(Collected data)
________________
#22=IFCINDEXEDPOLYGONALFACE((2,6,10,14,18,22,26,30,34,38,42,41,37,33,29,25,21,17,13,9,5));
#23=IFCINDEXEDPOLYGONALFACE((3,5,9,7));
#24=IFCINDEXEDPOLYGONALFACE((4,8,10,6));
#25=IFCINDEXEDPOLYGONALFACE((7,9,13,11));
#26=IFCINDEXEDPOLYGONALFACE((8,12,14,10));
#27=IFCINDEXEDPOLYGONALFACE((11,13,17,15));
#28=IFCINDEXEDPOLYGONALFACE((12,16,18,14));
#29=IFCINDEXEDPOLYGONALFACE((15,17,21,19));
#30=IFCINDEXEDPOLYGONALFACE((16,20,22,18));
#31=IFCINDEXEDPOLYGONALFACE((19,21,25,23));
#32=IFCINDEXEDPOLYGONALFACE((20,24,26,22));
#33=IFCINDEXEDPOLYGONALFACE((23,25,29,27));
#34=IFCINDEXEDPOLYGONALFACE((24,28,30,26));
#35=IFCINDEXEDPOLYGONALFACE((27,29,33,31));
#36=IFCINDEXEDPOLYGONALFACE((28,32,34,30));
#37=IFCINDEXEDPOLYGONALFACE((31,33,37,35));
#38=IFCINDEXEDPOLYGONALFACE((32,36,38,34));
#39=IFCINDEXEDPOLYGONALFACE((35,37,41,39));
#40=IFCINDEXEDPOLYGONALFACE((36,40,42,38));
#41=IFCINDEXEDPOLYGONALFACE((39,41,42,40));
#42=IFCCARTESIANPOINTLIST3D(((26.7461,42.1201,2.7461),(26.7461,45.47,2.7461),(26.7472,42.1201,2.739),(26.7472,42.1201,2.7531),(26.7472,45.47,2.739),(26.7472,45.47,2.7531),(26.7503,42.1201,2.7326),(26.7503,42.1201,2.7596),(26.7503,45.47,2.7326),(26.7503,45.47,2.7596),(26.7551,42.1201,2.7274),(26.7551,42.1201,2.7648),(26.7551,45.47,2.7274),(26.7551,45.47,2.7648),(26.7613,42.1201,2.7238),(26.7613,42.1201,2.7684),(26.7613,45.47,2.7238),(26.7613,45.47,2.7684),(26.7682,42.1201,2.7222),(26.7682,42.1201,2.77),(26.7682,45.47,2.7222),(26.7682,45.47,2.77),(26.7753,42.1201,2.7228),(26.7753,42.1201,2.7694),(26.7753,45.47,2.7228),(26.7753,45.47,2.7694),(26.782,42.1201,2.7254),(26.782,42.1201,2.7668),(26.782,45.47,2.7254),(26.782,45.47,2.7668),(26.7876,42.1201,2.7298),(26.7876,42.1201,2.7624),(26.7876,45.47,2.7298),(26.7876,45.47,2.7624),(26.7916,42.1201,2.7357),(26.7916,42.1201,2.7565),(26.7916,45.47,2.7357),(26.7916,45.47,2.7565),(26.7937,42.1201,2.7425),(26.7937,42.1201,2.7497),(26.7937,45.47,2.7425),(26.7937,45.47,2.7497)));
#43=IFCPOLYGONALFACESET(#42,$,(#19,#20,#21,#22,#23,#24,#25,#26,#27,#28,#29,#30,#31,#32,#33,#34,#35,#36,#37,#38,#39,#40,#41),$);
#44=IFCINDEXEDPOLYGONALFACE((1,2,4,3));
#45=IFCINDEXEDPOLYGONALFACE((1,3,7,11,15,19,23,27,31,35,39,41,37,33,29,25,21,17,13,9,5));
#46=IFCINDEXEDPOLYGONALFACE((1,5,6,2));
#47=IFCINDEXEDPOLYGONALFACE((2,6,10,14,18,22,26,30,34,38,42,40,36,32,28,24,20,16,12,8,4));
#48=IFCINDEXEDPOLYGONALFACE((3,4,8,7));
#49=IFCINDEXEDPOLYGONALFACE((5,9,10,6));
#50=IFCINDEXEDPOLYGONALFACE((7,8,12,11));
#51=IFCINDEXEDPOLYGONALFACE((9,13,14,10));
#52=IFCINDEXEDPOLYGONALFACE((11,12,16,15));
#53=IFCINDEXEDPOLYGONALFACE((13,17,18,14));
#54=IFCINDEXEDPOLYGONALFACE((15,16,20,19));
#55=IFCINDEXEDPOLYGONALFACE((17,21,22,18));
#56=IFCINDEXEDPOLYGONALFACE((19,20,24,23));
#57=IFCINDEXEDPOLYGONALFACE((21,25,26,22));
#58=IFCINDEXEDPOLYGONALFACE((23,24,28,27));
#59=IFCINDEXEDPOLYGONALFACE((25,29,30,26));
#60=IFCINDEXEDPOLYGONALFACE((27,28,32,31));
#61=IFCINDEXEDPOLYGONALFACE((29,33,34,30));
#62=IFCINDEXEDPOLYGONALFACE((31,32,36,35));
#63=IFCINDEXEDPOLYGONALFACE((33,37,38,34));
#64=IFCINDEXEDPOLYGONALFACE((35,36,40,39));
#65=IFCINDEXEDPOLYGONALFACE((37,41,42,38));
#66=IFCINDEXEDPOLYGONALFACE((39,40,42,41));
________________
## Exercise instructions
The entries above hold the needed span. Transcribe exactly the lines from the one with "#24=IFCINDEXEDPOLYGONALFACE((4,8,10,6));" to the one with "#29=IFCINDEXEDPOLYGONALFACE((15,17,21,19));", both included.

## Result
#24=IFCINDEXEDPOLYGONALFACE((4,8,10,6));
#25=IFCINDEXEDPOLYGONALFACE((7,9,13,11));
#26=IFCINDEXEDPOLYGONALFACE((8,12,14,10));
#27=IFCINDEXEDPOLYGONALFACE((11,13,17,15));
#28=IFCINDEXEDPOLYGONALFACE((12,16,18,14));
#29=IFCINDEXEDPOLYGONALFACE((15,17,21,19));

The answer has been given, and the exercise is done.